## What the task asks
Repeat only the lines running from the beginning of the material through the line that contains "#170=IFCINDEXEDPOLYGONALFACE((1,2,4,3));".

____

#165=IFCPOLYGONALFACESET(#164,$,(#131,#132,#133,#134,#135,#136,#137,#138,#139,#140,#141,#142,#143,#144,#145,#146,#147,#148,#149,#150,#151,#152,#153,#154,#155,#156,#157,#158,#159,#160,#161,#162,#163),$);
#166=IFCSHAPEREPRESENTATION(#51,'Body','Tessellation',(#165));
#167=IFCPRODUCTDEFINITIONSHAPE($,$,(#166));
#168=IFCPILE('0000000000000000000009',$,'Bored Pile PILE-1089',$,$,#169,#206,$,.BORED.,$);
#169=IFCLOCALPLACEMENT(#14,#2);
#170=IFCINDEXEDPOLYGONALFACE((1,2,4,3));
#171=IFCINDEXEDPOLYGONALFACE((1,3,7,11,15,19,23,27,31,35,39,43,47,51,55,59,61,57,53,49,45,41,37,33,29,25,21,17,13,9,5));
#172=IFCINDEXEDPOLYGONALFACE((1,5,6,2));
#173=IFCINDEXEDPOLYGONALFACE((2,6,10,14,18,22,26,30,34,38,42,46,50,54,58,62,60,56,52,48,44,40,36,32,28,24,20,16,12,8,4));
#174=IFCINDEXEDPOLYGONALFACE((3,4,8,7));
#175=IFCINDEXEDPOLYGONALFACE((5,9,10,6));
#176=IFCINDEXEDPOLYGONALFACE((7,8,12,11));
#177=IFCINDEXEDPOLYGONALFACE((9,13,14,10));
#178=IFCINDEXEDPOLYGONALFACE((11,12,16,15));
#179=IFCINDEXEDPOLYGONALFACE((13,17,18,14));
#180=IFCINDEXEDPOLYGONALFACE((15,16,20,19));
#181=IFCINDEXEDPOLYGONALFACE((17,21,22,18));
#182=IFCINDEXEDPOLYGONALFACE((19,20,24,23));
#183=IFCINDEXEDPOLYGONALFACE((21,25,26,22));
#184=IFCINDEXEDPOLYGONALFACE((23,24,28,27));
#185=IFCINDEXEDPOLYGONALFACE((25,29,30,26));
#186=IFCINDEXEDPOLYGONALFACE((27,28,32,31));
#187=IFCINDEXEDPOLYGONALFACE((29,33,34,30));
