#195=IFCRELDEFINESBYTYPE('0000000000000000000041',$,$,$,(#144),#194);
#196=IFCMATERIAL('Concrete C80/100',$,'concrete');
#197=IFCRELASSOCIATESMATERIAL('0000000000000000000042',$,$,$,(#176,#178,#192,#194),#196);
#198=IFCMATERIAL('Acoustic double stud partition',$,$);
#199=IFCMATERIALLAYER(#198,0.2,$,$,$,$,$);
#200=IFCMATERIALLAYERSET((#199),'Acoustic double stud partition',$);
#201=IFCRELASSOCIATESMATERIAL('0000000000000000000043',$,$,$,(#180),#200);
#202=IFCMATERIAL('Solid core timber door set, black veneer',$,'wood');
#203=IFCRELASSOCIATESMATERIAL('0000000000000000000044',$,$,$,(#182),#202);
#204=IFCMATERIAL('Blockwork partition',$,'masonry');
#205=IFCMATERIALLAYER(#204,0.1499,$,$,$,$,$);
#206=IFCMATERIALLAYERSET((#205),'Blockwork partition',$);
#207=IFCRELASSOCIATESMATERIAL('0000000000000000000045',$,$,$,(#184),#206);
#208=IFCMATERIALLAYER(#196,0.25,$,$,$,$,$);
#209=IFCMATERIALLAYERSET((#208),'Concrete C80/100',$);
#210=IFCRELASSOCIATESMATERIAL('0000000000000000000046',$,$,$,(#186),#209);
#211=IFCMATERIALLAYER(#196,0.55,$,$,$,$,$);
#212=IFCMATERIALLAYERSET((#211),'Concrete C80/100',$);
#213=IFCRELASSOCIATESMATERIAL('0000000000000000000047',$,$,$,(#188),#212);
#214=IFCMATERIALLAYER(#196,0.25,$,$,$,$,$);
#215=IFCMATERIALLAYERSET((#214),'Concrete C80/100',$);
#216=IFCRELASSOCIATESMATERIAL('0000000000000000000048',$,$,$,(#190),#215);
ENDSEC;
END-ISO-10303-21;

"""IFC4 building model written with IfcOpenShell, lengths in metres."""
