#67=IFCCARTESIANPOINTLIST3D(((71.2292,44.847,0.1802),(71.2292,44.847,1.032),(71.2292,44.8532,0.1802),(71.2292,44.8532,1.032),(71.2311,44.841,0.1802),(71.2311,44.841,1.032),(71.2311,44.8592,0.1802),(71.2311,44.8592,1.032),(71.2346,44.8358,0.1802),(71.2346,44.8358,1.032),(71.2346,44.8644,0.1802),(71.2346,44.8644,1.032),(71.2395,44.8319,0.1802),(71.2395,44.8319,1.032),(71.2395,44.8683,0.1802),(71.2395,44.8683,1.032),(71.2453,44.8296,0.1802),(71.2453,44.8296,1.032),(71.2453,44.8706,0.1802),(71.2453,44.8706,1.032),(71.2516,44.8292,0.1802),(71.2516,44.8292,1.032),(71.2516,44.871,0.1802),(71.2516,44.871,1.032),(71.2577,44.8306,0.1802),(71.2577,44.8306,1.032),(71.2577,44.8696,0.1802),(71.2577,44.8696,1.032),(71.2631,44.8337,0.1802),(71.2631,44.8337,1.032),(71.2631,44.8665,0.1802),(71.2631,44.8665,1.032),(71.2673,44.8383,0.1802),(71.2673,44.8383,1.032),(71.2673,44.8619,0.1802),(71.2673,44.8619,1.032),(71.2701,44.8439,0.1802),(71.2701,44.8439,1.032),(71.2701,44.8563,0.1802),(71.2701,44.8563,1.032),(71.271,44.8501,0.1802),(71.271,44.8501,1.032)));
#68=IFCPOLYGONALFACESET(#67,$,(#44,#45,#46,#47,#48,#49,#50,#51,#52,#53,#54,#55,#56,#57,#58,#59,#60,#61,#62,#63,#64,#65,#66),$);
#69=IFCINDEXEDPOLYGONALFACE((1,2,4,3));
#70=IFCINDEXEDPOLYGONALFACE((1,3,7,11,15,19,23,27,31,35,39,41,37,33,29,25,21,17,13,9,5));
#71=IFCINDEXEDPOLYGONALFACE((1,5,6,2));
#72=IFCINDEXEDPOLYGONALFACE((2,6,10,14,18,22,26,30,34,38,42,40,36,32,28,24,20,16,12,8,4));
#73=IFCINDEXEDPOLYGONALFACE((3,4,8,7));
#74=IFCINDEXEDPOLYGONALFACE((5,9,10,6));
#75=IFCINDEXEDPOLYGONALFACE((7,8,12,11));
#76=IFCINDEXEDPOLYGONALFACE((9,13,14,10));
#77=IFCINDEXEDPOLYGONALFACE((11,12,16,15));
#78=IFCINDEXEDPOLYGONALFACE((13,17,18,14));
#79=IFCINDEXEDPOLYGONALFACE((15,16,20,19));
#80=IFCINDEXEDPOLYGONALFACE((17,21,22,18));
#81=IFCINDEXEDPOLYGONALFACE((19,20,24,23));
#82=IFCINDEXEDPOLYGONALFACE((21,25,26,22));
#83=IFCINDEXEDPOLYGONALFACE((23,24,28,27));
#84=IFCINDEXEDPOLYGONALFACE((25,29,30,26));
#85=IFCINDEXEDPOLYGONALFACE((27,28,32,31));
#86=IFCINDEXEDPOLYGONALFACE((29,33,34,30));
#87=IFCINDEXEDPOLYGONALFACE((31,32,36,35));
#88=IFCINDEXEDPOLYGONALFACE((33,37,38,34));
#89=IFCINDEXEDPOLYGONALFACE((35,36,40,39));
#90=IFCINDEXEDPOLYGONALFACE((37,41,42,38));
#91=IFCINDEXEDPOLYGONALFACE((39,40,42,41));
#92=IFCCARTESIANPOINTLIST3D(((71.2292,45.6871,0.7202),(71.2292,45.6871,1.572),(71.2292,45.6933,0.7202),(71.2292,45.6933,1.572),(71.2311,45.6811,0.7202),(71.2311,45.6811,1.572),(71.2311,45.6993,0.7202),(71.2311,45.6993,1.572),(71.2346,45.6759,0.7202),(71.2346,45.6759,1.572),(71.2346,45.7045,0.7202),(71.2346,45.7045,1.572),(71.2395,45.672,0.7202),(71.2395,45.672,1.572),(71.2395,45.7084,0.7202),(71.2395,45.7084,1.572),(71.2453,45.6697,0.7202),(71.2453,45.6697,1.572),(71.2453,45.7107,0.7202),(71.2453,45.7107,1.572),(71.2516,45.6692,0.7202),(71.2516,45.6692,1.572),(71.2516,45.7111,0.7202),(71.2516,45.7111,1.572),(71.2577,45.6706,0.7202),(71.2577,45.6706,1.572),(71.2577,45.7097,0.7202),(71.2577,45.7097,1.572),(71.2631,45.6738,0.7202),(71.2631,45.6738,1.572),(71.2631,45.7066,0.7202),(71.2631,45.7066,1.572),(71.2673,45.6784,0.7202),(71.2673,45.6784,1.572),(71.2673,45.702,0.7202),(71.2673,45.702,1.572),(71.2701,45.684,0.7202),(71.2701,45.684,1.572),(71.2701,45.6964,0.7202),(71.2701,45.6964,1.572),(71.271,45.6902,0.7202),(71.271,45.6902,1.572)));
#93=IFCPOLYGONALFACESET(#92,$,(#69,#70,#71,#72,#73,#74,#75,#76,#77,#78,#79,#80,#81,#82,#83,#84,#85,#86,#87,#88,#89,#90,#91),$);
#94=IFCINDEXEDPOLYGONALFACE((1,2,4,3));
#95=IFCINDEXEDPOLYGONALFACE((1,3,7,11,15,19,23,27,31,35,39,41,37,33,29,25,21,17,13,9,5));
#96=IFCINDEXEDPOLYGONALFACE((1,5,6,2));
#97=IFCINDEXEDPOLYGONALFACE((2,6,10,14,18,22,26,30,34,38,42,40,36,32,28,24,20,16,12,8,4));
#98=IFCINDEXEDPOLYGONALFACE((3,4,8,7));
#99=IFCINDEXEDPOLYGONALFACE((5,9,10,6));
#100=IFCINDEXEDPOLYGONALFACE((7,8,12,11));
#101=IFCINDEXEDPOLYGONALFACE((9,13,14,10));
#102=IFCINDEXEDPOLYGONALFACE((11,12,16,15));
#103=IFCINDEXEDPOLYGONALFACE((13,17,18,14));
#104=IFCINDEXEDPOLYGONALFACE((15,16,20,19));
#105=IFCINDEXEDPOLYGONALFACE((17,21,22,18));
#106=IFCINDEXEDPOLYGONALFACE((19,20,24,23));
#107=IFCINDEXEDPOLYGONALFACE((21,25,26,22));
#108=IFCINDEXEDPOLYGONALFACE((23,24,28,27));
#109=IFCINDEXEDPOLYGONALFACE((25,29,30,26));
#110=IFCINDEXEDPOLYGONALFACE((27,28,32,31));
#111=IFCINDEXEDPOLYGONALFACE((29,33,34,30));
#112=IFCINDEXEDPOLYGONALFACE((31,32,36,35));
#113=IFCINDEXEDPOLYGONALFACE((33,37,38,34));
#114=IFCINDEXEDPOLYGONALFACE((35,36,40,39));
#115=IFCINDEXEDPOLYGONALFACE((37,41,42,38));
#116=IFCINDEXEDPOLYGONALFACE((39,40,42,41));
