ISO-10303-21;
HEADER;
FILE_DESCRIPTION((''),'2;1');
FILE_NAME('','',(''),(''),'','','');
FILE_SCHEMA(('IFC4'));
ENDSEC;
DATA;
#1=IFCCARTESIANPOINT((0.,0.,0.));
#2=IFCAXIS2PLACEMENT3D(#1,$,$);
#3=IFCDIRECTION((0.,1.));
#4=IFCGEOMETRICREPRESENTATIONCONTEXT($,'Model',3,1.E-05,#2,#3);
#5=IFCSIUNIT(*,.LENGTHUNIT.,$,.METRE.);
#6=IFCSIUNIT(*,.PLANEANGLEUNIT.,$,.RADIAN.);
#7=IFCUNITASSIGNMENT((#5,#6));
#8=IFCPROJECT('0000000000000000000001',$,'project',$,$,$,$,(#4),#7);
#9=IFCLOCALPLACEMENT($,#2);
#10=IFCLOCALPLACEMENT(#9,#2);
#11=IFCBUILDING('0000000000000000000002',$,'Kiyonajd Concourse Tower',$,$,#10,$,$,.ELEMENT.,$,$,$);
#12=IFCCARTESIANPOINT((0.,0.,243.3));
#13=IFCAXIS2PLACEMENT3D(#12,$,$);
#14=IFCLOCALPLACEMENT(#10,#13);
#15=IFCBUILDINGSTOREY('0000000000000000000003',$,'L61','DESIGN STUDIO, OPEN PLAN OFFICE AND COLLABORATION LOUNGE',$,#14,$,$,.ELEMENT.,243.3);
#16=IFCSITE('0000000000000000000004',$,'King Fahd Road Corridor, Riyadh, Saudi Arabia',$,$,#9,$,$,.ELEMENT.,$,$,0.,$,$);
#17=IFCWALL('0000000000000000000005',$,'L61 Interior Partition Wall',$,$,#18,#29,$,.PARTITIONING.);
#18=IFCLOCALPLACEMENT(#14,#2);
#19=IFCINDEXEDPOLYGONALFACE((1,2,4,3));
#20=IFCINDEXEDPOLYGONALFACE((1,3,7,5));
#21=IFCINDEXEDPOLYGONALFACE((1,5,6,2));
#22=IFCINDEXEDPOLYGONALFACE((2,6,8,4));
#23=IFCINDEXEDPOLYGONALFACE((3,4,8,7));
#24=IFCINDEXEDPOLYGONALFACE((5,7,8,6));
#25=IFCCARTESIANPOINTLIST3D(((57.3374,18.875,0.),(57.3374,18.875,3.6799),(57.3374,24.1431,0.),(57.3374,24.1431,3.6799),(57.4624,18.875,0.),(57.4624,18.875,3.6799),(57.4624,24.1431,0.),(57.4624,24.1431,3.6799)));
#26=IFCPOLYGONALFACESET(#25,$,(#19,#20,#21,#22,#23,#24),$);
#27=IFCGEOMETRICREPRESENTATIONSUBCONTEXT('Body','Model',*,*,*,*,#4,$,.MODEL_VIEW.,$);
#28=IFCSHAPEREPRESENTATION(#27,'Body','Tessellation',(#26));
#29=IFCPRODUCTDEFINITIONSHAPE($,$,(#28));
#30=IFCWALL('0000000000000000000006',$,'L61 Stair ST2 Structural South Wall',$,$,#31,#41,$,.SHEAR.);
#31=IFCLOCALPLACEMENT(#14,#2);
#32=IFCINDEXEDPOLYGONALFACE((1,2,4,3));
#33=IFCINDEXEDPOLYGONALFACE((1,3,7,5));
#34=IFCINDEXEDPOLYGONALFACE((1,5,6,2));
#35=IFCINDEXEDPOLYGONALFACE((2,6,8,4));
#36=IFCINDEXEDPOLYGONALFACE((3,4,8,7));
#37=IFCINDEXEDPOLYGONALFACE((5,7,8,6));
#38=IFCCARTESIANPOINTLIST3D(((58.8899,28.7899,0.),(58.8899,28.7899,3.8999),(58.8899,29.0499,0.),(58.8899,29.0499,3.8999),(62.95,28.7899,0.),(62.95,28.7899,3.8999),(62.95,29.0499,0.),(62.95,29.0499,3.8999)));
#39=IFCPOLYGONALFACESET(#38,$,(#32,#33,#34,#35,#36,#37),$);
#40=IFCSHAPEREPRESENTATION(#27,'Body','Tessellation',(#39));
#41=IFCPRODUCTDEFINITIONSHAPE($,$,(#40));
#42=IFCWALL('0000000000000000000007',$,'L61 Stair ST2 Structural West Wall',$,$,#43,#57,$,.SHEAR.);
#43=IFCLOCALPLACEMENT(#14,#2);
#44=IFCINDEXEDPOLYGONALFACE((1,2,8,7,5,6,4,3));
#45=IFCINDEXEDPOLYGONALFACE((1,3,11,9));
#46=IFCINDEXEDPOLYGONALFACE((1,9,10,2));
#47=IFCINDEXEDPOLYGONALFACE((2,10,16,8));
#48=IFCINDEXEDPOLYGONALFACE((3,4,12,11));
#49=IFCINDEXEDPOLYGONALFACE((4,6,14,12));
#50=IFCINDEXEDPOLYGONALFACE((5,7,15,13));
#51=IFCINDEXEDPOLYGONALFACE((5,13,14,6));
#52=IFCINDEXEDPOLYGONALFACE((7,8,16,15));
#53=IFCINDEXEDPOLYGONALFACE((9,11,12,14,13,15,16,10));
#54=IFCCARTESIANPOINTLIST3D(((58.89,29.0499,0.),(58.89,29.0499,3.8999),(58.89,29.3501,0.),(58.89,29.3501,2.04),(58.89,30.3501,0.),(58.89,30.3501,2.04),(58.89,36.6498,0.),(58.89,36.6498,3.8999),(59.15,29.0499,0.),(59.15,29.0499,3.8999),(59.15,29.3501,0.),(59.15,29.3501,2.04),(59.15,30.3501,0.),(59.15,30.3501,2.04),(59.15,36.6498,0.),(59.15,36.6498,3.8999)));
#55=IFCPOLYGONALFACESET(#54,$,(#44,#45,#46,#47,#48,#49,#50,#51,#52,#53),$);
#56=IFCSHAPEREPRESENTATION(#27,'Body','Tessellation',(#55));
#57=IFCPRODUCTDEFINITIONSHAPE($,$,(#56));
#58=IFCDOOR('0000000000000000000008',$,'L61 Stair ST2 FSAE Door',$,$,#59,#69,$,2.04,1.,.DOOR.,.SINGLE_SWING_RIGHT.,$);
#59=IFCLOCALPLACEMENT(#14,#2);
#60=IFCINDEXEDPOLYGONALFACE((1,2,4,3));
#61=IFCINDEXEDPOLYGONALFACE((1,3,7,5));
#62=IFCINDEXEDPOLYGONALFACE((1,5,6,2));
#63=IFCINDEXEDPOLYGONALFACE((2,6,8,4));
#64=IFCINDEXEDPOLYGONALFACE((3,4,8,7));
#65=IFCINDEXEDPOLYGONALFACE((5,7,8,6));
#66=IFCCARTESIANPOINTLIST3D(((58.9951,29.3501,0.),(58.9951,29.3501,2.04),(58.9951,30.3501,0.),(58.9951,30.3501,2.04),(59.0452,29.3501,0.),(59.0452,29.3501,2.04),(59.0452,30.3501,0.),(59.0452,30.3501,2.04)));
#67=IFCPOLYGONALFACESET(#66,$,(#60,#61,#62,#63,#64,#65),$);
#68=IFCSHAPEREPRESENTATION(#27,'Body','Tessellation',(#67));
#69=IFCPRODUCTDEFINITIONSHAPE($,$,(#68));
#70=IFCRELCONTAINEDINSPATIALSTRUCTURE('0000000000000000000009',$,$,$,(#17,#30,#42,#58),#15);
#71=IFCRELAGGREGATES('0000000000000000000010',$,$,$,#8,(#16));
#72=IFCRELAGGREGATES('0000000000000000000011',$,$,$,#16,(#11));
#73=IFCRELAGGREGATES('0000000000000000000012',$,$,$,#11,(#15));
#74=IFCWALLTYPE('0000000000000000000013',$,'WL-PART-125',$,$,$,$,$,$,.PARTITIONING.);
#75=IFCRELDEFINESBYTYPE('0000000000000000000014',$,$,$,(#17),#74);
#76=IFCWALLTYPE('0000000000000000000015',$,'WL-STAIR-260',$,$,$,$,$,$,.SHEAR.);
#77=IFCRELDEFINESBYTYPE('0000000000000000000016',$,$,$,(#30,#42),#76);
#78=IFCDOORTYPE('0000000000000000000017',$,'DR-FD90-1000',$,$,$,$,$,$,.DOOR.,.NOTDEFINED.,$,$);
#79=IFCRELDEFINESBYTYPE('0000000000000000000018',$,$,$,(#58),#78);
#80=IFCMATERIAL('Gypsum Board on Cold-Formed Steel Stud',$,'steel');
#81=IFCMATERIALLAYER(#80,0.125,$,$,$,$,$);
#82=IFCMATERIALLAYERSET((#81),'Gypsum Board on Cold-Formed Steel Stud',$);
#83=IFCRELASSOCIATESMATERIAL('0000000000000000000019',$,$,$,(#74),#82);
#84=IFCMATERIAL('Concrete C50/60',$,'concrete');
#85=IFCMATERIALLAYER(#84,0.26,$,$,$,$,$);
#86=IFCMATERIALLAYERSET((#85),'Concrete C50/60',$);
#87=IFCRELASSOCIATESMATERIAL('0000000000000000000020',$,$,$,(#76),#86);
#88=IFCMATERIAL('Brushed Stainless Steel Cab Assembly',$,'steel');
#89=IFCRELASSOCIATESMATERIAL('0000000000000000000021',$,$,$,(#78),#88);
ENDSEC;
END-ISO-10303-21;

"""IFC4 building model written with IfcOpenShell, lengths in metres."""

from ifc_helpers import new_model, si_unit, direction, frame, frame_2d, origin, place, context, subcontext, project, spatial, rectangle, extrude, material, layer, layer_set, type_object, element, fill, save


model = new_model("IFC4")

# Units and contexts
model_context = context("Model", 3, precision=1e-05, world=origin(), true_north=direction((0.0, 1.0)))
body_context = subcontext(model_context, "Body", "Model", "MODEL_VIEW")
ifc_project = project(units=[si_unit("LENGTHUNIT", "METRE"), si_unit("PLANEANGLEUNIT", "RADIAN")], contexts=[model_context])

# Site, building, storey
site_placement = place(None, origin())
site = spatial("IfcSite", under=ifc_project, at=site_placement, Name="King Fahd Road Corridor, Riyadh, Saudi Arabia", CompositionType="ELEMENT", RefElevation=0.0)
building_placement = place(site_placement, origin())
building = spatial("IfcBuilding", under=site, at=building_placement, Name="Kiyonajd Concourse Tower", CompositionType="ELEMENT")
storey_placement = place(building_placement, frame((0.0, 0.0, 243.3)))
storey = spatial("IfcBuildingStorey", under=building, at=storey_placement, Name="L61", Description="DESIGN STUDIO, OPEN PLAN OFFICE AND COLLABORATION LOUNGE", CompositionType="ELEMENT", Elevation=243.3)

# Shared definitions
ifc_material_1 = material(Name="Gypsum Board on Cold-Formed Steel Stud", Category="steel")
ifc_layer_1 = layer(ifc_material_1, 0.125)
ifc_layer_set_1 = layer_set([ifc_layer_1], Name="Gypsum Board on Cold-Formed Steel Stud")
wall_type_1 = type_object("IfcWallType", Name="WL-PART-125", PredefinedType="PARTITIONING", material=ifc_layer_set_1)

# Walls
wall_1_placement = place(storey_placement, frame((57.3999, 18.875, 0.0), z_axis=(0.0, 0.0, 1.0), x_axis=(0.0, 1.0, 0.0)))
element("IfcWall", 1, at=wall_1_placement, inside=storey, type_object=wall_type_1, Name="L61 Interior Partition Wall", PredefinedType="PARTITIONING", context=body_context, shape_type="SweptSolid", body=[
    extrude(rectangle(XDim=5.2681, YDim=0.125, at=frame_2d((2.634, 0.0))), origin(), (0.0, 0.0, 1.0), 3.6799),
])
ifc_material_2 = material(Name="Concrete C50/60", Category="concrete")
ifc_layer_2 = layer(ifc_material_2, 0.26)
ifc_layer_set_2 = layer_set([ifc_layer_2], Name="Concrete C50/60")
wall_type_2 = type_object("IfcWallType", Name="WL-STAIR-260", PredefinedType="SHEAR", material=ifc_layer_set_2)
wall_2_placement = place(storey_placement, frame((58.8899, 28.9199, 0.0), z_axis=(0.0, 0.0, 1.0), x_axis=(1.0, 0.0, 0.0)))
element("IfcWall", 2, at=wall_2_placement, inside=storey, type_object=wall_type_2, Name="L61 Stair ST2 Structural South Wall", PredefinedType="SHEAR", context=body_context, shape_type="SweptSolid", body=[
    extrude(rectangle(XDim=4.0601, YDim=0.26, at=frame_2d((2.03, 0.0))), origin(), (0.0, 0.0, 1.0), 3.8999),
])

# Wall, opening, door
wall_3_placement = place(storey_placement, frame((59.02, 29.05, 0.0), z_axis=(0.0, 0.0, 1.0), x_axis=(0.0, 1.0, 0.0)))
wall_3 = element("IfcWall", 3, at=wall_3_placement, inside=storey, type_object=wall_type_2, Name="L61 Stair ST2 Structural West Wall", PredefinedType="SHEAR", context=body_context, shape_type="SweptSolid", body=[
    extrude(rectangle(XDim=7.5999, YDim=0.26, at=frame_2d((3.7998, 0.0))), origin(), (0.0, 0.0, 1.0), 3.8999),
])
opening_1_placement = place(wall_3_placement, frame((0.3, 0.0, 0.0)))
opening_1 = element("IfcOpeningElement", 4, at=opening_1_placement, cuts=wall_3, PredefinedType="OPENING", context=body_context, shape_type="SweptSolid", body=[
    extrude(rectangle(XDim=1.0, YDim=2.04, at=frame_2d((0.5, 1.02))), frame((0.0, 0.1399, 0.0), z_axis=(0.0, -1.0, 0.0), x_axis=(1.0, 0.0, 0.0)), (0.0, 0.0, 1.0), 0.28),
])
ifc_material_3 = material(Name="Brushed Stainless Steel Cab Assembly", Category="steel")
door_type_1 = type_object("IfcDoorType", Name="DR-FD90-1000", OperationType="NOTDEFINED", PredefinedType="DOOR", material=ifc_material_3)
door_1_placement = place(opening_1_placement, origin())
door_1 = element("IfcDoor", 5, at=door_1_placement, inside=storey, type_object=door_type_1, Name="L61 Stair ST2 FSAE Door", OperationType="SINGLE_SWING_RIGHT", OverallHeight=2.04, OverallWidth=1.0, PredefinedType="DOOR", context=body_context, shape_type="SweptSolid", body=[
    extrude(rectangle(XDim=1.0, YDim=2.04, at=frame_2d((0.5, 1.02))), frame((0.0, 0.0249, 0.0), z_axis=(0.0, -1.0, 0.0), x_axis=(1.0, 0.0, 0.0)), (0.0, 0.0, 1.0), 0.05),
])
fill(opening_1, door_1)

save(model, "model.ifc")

____

## Expected answer
#165=IFCPOLYGONALFACESET(#164,$,(#131,#132,#133,#134,#135,#136,#137,#138,#139,#140,#141,#142,#143,#144,#145,#146,#147,#148,#149,#150,#151,#152,#153,#154,#155,#156,#157,#158,#159,#160,#161,#162,#163),$);
#166=IFCSHAPEREPRESENTATION(#51,'Body','Tessellation',(#165));
#167=IFCPRODUCTDEFINITIONSHAPE($,$,(#166));
#168=IFCPILE('0000000000000000000009',$,'Bored Pile PILE-1089',$,$,#169,#206,$,.BORED.,$);
#169=IFCLOCALPLACEMENT(#14,#2);
#170=IFCINDEXEDPOLYGONALFACE((1,2,4,3));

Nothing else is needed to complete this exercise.